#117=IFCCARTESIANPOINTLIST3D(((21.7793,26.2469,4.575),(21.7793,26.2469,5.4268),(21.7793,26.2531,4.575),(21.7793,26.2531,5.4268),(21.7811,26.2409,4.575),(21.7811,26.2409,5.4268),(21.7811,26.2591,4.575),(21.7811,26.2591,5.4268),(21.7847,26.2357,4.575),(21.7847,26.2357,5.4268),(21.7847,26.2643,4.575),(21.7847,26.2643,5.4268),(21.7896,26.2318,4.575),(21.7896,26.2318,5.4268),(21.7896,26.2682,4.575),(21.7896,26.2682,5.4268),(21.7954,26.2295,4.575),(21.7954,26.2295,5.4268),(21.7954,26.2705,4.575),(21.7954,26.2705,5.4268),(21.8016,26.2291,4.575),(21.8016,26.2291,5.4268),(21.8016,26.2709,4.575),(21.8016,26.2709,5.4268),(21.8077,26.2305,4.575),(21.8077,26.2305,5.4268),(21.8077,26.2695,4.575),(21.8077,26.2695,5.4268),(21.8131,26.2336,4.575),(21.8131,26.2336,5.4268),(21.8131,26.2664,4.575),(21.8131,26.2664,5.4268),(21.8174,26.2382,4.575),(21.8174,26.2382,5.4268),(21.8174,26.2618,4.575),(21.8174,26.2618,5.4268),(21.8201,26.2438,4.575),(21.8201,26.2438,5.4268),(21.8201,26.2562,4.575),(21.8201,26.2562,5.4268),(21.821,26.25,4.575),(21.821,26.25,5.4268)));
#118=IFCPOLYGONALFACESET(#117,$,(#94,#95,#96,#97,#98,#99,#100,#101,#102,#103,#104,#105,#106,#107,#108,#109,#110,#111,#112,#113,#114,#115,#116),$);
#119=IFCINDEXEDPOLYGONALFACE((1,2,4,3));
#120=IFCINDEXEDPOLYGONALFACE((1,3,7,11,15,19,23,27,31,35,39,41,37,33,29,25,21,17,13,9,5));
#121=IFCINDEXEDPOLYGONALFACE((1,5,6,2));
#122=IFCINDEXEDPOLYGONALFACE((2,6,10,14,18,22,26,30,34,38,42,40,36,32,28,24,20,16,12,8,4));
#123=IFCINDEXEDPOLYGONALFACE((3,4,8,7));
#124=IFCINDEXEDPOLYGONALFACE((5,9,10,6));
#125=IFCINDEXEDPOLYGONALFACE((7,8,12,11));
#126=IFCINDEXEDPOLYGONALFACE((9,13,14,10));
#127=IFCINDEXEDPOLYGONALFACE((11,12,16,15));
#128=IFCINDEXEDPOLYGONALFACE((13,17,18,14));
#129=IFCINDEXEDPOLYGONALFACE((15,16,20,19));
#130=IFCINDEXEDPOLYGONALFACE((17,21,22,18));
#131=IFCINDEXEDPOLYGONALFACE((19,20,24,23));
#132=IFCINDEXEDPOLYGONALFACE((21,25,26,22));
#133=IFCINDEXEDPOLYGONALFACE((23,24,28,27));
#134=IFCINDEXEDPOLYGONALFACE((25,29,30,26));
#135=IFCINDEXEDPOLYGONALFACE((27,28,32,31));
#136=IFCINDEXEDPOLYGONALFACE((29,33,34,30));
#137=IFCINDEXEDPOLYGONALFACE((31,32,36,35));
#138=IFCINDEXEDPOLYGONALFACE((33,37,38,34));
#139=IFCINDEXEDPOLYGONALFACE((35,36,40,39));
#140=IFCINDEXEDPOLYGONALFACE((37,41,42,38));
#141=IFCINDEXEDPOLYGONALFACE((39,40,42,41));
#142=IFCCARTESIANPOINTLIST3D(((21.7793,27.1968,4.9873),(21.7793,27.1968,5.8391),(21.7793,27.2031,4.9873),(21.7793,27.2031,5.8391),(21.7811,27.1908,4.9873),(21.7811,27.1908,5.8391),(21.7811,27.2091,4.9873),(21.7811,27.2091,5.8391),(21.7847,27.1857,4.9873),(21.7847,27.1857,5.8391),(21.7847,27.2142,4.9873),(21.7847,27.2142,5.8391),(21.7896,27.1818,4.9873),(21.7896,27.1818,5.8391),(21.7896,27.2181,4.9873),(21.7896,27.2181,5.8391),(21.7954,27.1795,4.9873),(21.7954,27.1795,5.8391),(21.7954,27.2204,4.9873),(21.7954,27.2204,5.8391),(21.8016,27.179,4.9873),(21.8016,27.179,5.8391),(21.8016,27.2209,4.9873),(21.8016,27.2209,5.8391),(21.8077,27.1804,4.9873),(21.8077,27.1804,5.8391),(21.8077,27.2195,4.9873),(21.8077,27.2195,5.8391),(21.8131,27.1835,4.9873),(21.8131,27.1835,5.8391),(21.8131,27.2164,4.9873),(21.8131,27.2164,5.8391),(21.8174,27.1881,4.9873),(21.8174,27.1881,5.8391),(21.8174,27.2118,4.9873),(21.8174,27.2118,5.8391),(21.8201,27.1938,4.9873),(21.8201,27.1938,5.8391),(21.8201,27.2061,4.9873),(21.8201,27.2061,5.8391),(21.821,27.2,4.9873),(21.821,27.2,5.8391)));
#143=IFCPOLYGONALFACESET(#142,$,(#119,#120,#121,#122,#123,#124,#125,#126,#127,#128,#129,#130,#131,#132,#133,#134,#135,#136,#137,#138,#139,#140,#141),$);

----------------------------------------

Task to carry out
Match on "IFCPOLYGONALFACESET" and copy out every line of the entries that contains it.

Result below
#118=IFCPOLYGONALFACESET(#117,$,(#94,#95,#96,#97,#98,#99,#100,#101,#102,#103,#104,#105,#106,#107,#108,#109,#110,#111,#112,#113,#114,#115,#116),$);
#143=IFCPOLYGONALFACESET(#142,$,(#119,#120,#121,#122,#123,#124,#125,#126,#127,#128,#129,#130,#131,#132,#133,#134,#135,#136,#137,#138,#139,#140,#141),$);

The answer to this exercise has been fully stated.